## Directions
Lines containing the word "IFCPRODUCTDEFINITIONSHAPE" are the ones to copy from the records below.

****************

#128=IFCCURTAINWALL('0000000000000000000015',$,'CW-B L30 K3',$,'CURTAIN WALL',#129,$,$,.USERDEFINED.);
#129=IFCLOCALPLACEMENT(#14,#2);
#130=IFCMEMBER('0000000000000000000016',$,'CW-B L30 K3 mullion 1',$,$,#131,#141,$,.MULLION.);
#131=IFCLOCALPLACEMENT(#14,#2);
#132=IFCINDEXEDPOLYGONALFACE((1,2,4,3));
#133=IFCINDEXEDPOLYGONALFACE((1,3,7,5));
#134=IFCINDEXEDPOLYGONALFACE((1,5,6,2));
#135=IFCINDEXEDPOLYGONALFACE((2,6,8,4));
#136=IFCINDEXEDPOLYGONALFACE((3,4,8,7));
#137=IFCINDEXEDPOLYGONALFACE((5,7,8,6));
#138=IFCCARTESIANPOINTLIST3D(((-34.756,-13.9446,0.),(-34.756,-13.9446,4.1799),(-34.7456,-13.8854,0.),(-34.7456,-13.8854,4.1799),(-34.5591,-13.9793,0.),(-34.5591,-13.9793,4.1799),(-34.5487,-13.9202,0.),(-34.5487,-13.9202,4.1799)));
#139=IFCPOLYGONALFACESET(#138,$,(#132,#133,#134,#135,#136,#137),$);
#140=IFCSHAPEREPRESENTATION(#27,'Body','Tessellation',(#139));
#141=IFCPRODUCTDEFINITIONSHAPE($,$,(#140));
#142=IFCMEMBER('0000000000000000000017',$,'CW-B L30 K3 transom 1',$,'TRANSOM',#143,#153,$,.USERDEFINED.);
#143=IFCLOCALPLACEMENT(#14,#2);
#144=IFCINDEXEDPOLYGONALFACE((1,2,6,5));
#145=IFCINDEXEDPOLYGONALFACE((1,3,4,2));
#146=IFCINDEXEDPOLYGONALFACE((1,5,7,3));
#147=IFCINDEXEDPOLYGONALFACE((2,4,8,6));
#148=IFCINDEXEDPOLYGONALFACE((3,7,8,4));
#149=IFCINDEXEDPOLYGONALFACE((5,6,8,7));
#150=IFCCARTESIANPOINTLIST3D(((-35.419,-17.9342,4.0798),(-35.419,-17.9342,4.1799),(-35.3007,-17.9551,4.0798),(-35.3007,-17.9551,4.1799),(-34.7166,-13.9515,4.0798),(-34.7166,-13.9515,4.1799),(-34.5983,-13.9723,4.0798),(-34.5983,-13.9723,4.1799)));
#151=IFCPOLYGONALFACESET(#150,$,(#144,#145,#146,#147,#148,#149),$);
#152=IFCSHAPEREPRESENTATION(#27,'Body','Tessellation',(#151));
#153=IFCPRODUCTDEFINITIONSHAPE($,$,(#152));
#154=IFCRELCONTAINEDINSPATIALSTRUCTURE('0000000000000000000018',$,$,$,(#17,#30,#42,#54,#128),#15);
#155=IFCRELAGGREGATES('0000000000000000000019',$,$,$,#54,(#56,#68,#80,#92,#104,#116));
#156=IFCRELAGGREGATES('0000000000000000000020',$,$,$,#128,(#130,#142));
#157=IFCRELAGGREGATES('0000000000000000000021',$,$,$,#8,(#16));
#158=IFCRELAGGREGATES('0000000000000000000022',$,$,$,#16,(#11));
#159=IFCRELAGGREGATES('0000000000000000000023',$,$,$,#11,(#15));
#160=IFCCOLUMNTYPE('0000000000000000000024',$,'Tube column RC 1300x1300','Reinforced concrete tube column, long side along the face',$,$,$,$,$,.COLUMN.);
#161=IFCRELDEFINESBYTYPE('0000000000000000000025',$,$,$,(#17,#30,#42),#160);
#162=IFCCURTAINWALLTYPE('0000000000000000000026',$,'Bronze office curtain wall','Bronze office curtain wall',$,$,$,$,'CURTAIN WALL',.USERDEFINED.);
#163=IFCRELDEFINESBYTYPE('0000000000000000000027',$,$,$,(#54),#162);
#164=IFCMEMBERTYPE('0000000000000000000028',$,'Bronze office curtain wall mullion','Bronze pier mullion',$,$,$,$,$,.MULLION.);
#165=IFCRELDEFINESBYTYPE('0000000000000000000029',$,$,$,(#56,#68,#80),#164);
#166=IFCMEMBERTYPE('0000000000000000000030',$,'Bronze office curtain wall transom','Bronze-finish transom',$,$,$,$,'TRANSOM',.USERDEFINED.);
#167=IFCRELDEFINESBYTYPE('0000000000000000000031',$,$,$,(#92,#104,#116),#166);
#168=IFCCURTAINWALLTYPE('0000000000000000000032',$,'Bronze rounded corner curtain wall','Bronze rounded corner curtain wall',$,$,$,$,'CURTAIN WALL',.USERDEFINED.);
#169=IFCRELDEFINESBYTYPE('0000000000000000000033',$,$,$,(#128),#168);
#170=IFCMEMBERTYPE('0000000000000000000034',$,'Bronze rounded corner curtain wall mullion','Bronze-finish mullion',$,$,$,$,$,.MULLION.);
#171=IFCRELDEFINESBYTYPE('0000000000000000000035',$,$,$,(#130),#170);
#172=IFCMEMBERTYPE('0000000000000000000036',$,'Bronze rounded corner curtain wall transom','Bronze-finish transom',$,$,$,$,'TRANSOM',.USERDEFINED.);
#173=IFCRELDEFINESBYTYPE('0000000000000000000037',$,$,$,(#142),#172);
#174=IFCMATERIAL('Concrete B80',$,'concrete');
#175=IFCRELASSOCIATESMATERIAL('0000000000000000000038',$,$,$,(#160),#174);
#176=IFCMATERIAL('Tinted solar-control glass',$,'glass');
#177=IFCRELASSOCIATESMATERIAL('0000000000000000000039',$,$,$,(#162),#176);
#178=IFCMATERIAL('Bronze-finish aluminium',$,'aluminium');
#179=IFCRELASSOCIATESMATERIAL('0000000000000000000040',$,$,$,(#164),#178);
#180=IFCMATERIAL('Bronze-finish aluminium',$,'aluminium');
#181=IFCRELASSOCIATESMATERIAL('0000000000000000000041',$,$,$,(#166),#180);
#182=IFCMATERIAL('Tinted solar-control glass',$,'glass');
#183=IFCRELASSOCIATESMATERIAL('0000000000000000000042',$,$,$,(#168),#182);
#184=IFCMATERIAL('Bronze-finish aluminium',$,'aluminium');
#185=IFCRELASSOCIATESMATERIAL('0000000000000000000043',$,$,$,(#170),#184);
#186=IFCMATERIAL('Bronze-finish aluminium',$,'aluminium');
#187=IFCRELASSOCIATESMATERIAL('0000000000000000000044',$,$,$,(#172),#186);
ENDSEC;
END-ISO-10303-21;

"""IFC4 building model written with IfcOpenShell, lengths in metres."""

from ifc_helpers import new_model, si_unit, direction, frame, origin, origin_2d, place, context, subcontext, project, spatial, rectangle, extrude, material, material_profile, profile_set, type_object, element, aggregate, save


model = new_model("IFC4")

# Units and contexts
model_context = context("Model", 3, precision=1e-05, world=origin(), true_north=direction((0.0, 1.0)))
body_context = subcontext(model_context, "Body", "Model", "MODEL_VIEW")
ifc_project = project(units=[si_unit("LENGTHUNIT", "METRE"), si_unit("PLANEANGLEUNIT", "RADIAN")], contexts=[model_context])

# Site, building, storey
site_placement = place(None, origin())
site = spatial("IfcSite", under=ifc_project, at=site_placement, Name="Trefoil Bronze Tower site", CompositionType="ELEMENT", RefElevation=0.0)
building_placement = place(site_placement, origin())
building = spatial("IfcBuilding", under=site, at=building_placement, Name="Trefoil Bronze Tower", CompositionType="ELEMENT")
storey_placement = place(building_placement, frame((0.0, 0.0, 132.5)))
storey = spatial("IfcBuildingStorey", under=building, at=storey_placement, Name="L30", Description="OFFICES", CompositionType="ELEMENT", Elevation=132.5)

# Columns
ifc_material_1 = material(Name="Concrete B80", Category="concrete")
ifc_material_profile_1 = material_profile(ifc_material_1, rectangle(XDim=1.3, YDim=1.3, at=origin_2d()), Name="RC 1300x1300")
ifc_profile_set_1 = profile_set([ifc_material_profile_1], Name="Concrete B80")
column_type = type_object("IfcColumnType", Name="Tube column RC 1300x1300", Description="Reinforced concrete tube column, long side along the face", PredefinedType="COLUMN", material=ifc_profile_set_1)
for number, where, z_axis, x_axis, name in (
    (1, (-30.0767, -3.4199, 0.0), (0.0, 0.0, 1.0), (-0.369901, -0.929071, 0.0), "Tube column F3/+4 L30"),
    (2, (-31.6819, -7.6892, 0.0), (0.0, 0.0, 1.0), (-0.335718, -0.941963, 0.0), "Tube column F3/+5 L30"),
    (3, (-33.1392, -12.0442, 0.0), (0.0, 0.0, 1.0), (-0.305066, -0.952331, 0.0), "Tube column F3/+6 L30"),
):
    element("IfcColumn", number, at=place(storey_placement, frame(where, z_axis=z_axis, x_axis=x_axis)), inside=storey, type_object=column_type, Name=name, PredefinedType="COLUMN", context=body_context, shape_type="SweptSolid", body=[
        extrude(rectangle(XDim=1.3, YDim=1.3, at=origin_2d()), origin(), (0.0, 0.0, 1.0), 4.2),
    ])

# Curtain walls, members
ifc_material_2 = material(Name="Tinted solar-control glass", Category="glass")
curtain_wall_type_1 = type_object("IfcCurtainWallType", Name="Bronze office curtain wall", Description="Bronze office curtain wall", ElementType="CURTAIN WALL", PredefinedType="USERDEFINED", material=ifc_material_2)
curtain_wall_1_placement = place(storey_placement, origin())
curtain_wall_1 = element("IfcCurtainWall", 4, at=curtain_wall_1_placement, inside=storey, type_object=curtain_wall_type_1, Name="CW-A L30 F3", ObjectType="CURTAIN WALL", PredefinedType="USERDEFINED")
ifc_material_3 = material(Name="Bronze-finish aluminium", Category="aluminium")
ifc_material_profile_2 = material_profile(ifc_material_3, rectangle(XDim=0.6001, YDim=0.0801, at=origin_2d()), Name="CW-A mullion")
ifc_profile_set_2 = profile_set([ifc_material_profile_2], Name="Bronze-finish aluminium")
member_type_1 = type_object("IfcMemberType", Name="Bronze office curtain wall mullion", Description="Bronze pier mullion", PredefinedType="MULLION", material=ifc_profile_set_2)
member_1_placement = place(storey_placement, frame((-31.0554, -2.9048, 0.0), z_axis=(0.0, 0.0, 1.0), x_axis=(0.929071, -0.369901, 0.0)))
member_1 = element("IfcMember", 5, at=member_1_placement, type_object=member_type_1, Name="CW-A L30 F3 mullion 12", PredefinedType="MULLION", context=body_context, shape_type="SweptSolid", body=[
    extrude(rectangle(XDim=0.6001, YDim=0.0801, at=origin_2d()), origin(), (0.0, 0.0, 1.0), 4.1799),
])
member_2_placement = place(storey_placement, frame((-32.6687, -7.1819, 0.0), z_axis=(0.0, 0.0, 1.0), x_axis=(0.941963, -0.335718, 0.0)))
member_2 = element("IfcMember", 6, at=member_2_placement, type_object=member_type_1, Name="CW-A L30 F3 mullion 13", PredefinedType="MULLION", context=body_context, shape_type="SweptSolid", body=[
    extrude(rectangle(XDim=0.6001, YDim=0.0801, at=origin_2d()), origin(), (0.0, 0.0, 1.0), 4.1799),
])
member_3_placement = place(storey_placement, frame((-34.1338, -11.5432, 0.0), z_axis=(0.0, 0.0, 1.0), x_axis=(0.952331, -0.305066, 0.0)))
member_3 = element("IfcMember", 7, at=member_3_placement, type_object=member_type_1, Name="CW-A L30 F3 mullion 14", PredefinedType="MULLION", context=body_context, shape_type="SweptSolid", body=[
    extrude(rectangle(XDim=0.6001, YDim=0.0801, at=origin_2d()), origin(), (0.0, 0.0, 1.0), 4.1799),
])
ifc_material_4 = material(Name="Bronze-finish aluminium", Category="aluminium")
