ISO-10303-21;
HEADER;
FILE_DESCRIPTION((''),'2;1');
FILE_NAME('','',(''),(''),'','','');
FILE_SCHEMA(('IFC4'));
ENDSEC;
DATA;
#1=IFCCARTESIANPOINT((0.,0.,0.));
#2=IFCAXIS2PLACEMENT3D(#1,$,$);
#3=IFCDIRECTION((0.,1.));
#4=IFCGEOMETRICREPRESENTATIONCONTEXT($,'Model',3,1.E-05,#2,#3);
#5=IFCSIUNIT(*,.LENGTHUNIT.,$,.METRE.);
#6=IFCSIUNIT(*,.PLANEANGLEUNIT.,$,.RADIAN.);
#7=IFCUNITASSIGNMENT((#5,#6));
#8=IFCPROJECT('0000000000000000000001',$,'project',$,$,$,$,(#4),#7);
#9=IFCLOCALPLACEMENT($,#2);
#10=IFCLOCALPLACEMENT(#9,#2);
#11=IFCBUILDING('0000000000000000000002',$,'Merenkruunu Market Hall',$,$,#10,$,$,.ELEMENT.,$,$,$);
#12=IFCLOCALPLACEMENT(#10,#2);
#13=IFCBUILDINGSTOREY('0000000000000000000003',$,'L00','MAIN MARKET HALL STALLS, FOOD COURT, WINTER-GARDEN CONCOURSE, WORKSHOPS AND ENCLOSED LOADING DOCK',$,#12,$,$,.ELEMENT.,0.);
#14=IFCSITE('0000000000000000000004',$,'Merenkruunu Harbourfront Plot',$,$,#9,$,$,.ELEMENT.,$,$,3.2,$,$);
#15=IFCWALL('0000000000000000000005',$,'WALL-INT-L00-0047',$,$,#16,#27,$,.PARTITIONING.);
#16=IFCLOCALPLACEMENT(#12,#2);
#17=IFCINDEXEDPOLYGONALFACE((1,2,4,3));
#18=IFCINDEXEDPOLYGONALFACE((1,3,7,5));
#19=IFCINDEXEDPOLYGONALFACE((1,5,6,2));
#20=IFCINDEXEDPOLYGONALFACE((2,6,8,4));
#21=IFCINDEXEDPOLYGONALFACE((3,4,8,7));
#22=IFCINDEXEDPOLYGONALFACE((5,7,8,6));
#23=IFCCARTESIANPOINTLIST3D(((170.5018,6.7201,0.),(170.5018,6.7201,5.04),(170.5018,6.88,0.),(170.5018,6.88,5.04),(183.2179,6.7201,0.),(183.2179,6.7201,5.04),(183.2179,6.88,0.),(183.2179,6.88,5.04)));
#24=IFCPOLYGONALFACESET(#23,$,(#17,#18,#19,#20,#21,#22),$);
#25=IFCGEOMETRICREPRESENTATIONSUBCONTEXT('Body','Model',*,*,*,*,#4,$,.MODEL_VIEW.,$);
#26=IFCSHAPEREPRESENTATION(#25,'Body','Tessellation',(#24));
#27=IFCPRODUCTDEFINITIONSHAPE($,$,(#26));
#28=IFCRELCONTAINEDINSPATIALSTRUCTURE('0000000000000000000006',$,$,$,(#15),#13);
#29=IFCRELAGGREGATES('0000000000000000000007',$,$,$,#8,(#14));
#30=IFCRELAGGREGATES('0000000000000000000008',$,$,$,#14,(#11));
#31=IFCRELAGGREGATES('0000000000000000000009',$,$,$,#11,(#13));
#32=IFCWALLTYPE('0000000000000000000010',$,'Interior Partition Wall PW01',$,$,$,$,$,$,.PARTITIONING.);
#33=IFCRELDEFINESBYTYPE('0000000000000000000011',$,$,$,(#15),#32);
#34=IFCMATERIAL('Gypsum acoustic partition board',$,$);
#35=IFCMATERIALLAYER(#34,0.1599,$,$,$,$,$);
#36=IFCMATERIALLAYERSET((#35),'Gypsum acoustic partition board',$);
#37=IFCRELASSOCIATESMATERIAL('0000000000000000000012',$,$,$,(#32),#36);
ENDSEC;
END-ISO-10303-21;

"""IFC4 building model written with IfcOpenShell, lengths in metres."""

from ifc_helpers import new_model, si_unit, direction, frame, frame_2d, origin, place, context, subcontext, project, spatial, rectangle, extrude, material, layer, layer_set, type_object, element, save


model = new_model("IFC4")

# Units and contexts
model_context = context("Model", 3, precision=1e-05, world=origin(), true_north=direction((0.0, 1.0)))
body_context = subcontext(model_context, "Body", "Model", "MODEL_VIEW")
ifc_project = project(units=[si_unit("LENGTHUNIT", "METRE"), si_unit("PLANEANGLEUNIT", "RADIAN")], contexts=[model_context])

# Site, building, storey
site_placement = place(None, origin())
site = spatial("IfcSite", under=ifc_project, at=site_placement, Name="Merenkruunu Harbourfront Plot", CompositionType="ELEMENT", RefElevation=3.2)
building_placement = place(site_placement, origin())
building = spatial("IfcBuilding", under=site, at=building_placement, Name="Merenkruunu Market Hall", CompositionType="ELEMENT")
storey_placement = place(building_placement, origin())
storey = spatial("IfcBuildingStorey", under=building, at=storey_placement, Name="L00", Description="MAIN MARKET HALL STALLS, FOOD COURT, WINTER-GARDEN CONCOURSE, WORKSHOPS AND ENCLOSED LOADING DOCK", CompositionType="ELEMENT", Elevation=0.0)

# Shared definitions
ifc_material_1 = material(Name="Gypsum acoustic partition board")
ifc_layer_1 = layer(ifc_material_1, 0.1599)
ifc_layer_set_1 = layer_set([ifc_layer_1], Name="Gypsum acoustic partition board")
wall_type_1 = type_object("IfcWallType", Name="Interior Partition Wall PW01", PredefinedType="PARTITIONING", material=ifc_layer_set_1)

# Wall
wall_1_placement = place(storey_placement, frame((170.502, 6.8, 0.0), z_axis=(0.0, 0.0, 1.0), x_axis=(1.0, 0.0, 0.0)))
element("IfcWall", 1, at=wall_1_placement, inside=storey, type_object=wall_type_1, Name="WALL-INT-L00-0047", PredefinedType="PARTITIONING", context=body_context, shape_type="SweptSolid", body=[
    extrude(rectangle(XDim=12.7161, YDim=0.1599, at=frame_2d((6.3579, 0.0))), origin(), (0.0, 0.0, 1.0), 5.04),
])

save(model, "model.ifc")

****************

## Response area
#141=IFCPRODUCTDEFINITIONSHAPE($,$,(#140));
#153=IFCPRODUCTDEFINITIONSHAPE($,$,(#152));
#27=IFCPRODUCTDEFINITIONSHAPE($,$,(#26));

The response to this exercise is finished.